**Data listing:**

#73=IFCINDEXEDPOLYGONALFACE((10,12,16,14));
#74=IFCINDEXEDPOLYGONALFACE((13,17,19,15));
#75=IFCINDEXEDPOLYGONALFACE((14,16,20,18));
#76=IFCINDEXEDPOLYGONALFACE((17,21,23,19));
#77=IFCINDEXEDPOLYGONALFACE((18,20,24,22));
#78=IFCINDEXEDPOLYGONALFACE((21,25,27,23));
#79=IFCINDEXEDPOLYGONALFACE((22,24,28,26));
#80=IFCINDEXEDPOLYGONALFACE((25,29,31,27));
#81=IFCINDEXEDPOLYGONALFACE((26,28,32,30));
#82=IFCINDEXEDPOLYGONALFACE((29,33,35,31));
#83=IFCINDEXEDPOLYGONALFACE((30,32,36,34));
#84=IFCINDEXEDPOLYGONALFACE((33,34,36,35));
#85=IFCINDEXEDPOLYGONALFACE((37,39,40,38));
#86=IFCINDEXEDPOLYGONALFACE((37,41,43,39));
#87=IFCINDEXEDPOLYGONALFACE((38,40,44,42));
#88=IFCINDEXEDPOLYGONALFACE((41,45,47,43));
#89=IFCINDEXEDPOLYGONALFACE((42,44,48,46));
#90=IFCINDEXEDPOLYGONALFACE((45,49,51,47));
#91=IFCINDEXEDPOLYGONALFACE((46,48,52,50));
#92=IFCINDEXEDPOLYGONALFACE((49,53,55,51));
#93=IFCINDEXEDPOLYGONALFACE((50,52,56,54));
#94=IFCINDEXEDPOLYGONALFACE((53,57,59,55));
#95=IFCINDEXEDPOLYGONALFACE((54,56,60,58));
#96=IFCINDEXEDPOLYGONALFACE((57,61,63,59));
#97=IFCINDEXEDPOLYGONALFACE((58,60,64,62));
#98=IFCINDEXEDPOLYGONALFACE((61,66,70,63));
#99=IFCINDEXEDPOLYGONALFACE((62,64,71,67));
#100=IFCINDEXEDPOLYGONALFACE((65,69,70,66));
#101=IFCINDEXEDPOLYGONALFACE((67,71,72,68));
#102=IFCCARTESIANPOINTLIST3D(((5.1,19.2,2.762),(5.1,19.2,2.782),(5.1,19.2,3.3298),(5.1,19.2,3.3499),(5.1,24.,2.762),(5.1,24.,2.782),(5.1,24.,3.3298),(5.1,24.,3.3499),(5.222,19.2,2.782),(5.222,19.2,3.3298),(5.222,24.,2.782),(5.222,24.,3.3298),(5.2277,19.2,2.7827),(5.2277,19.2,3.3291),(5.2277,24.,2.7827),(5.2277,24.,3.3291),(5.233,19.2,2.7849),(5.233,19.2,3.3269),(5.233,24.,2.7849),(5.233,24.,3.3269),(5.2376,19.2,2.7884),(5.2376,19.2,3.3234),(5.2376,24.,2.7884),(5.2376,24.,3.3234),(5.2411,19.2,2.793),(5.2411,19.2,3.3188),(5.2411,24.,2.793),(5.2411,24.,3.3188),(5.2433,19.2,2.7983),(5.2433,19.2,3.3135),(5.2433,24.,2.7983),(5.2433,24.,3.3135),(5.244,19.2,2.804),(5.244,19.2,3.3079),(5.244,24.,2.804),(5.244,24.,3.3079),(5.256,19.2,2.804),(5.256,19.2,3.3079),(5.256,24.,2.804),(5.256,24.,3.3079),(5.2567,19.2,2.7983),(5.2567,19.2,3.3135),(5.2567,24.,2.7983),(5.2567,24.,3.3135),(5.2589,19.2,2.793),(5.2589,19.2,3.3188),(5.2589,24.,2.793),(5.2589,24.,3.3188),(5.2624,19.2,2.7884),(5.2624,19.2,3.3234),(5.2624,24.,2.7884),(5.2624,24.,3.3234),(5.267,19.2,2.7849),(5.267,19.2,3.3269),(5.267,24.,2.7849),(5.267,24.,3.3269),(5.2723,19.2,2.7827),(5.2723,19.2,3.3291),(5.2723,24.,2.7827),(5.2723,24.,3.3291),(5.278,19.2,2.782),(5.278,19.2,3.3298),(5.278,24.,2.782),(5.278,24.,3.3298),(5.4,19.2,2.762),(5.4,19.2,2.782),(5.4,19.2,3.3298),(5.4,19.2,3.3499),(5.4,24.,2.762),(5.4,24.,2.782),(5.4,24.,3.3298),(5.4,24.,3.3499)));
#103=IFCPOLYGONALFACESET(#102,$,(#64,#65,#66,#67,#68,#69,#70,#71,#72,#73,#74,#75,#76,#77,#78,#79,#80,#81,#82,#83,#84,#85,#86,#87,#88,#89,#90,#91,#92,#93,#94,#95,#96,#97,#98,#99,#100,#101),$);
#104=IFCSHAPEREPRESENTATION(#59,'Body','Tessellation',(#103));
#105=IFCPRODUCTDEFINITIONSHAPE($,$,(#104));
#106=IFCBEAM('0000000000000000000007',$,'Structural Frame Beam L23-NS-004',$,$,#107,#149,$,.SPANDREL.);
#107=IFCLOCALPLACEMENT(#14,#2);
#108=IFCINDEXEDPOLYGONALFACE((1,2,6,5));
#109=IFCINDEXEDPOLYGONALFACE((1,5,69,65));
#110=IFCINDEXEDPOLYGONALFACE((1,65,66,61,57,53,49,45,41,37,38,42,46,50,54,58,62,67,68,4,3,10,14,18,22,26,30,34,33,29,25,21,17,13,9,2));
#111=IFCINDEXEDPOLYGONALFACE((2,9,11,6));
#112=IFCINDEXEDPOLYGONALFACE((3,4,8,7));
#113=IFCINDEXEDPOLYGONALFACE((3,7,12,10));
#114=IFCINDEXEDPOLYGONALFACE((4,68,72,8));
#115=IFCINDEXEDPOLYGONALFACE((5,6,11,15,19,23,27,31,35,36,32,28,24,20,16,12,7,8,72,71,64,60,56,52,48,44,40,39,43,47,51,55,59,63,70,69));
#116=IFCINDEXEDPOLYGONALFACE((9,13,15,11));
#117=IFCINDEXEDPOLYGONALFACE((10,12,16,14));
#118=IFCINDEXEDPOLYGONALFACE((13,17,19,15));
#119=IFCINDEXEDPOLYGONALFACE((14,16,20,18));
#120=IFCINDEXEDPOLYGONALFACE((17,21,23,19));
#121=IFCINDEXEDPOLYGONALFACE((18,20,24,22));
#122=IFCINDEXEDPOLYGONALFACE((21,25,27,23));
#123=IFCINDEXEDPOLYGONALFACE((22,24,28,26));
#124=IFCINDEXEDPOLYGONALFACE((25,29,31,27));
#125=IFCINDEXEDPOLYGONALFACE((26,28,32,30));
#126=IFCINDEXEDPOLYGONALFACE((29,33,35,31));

**About this exercise:** Set down the complete listing once more, exactly as it stands above.

**Output for this exercise:**
#73=IFCINDEXEDPOLYGONALFACE((10,12,16,14));
#74=IFCINDEXEDPOLYGONALFACE((13,17,19,15));
#75=IFCINDEXEDPOLYGONALFACE((14,16,20,18));
#76=IFCINDEXEDPOLYGONALFACE((17,21,23,19));
#77=IFCINDEXEDPOLYGONALFACE((18,20,24,22));
#78=IFCINDEXEDPOLYGONALFACE((21,25,27,23));
#79=IFCINDEXEDPOLYGONALFACE((22,24,28,26));
#80=IFCINDEXEDPOLYGONALFACE((25,29,31,27));
#81=IFCINDEXEDPOLYGONALFACE((26,28,32,30));
#82=IFCINDEXEDPOLYGONALFACE((29,33,35,31));
#83=IFCINDEXEDPOLYGONALFACE((30,32,36,34));
#84=IFCINDEXEDPOLYGONALFACE((33,34,36,35));
#85=IFCINDEXEDPOLYGONALFACE((37,39,40,38));
#86=IFCINDEXEDPOLYGONALFACE((37,41,43,39));
#87=IFCINDEXEDPOLYGONALFACE((38,40,44,42));
#88=IFCINDEXEDPOLYGONALFACE((41,45,47,43));
#89=IFCINDEXEDPOLYGONALFACE((42,44,48,46));
#90=IFCINDEXEDPOLYGONALFACE((45,49,51,47));
#91=IFCINDEXEDPOLYGONALFACE((46,48,52,50));
#92=IFCINDEXEDPOLYGONALFACE((49,53,55,51));
#93=IFCINDEXEDPOLYGONALFACE((50,52,56,54));
#94=IFCINDEXEDPOLYGONALFACE((53,57,59,55));
#95=IFCINDEXEDPOLYGONALFACE((54,56,60,58));
#96=IFCINDEXEDPOLYGONALFACE((57,61,63,59));
#97=IFCINDEXEDPOLYGONALFACE((58,60,64,62));
#98=IFCINDEXEDPOLYGONALFACE((61,66,70,63));
#99=IFCINDEXEDPOLYGONALFACE((62,64,71,67));
#100=IFCINDEXEDPOLYGONALFACE((65,69,70,66));
#101=IFCINDEXEDPOLYGONALFACE((67,71,72,68));
#102=IFCCARTESIANPOINTLIST3D(((5.1,19.2,2.762),(5.1,19.2,2.782),(5.1,19.2,3.3298),(5.1,19.2,3.3499),(5.1,24.,2.762),(5.1,24.,2.782),(5.1,24.,3.3298),(5.1,24.,3.3499),(5.222,19.2,2.782),(5.222,19.2,3.3298),(5.222,24.,2.782),(5.222,24.,3.3298),(5.2277,19.2,2.7827),(5.2277,19.2,3.3291),(5.2277,24.,2.7827),(5.2277,24.,3.3291),(5.233,19.2,2.7849),(5.233,19.2,3.3269),(5.233,24.,2.7849),(5.233,24.,3.3269),(5.2376,19.2,2.7884),(5.2376,19.2,3.3234),(5.2376,24.,2.7884),(5.2376,24.,3.3234),(5.2411,19.2,2.793),(5.2411,19.2,3.3188),(5.2411,24.,2.793),(5.2411,24.,3.3188),(5.2433,19.2,2.7983),(5.2433,19.2,3.3135),(5.2433,24.,2.7983),(5.2433,24.,3.3135),(5.244,19.2,2.804),(5.244,19.2,3.3079),(5.244,24.,2.804),(5.244,24.,3.3079),(5.256,19.2,2.804),(5.256,19.2,3.3079),(5.256,24.,2.804),(5.256,24.,3.3079),(5.2567,19.2,2.7983),(5.2567,19.2,3.3135),(5.2567,24.,2.7983),(5.2567,24.,3.3135),(5.2589,19.2,2.793),(5.2589,19.2,3.3188),(5.2589,24.,2.793),(5.2589,24.,3.3188),(5.2624,19.2,2.7884),(5.2624,19.2,3.3234),(5.2624,24.,2.7884),(5.2624,24.,3.3234),(5.267,19.2,2.7849),(5.267,19.2,3.3269),(5.267,24.,2.7849),(5.267,24.,3.3269),(5.2723,19.2,2.7827),(5.2723,19.2,3.3291),(5.2723,24.,2.7827),(5.2723,24.,3.3291),(5.278,19.2,2.782),(5.278,19.2,3.3298),(5.278,24.,2.782),(5.278,24.,3.3298),(5.4,19.2,2.762),(5.4,19.2,2.782),(5.4,19.2,3.3298),(5.4,19.2,3.3499),(5.4,24.,2.762),(5.4,24.,2.782),(5.4,24.,3.3298),(5.4,24.,3.3499)));
#103=IFCPOLYGONALFACESET(#102,$,(#64,#65,#66,#67,#68,#69,#70,#71,#72,#73,#74,#75,#76,#77,#78,#79,#80,#81,#82,#83,#84,#85,#86,#87,#88,#89,#90,#91,#92,#93,#94,#95,#96,#97,#98,#99,#100,#101),$);
#104=IFCSHAPEREPRESENTATION(#59,'Body','Tessellation',(#103));
#105=IFCPRODUCTDEFINITIONSHAPE($,$,(#104));
#106=IFCBEAM('0000000000000000000007',$,'Structural Frame Beam L23-NS-004',$,$,#107,#149,$,.SPANDREL.);
#107=IFCLOCALPLACEMENT(#14,#2);
#108=IFCINDEXEDPOLYGONALFACE((1,2,6,5));
#109=IFCINDEXEDPOLYGONALFACE((1,5,69,65));
#110=IFCINDEXEDPOLYGONALFACE((1,65,66,61,57,53,49,45,41,37,38,42,46,50,54,58,62,67,68,4,3,10,14,18,22,26,30,34,33,29,25,21,17,13,9,2));
#111=IFCINDEXEDPOLYGONALFACE((2,9,11,6));
#112=IFCINDEXEDPOLYGONALFACE((3,4,8,7));
#113=IFCINDEXEDPOLYGONALFACE((3,7,12,10));
#114=IFCINDEXEDPOLYGONALFACE((4,68,72,8));
#115=IFCINDEXEDPOLYGONALFACE((5,6,11,15,19,23,27,31,35,36,32,28,24,20,16,12,7,8,72,71,64,60,56,52,48,44,40,39,43,47,51,55,59,63,70,69));
#116=IFCINDEXEDPOLYGONALFACE((9,13,15,11));
#117=IFCINDEXEDPOLYGONALFACE((10,12,16,14));
#118=IFCINDEXEDPOLYGONALFACE((13,17,19,15));
#119=IFCINDEXEDPOLYGONALFACE((14,16,20,18));
#120=IFCINDEXEDPOLYGONALFACE((17,21,23,19));
#121=IFCINDEXEDPOLYGONALFACE((18,20,24,22));
#122=IFCINDEXEDPOLYGONALFACE((21,25,27,23));
#123=IFCINDEXEDPOLYGONALFACE((22,24,28,26));
#124=IFCINDEXEDPOLYGONALFACE((25,29,31,27));
#125=IFCINDEXEDPOLYGONALFACE((26,28,32,30));
#126=IFCINDEXEDPOLYGONALFACE((29,33,35,31));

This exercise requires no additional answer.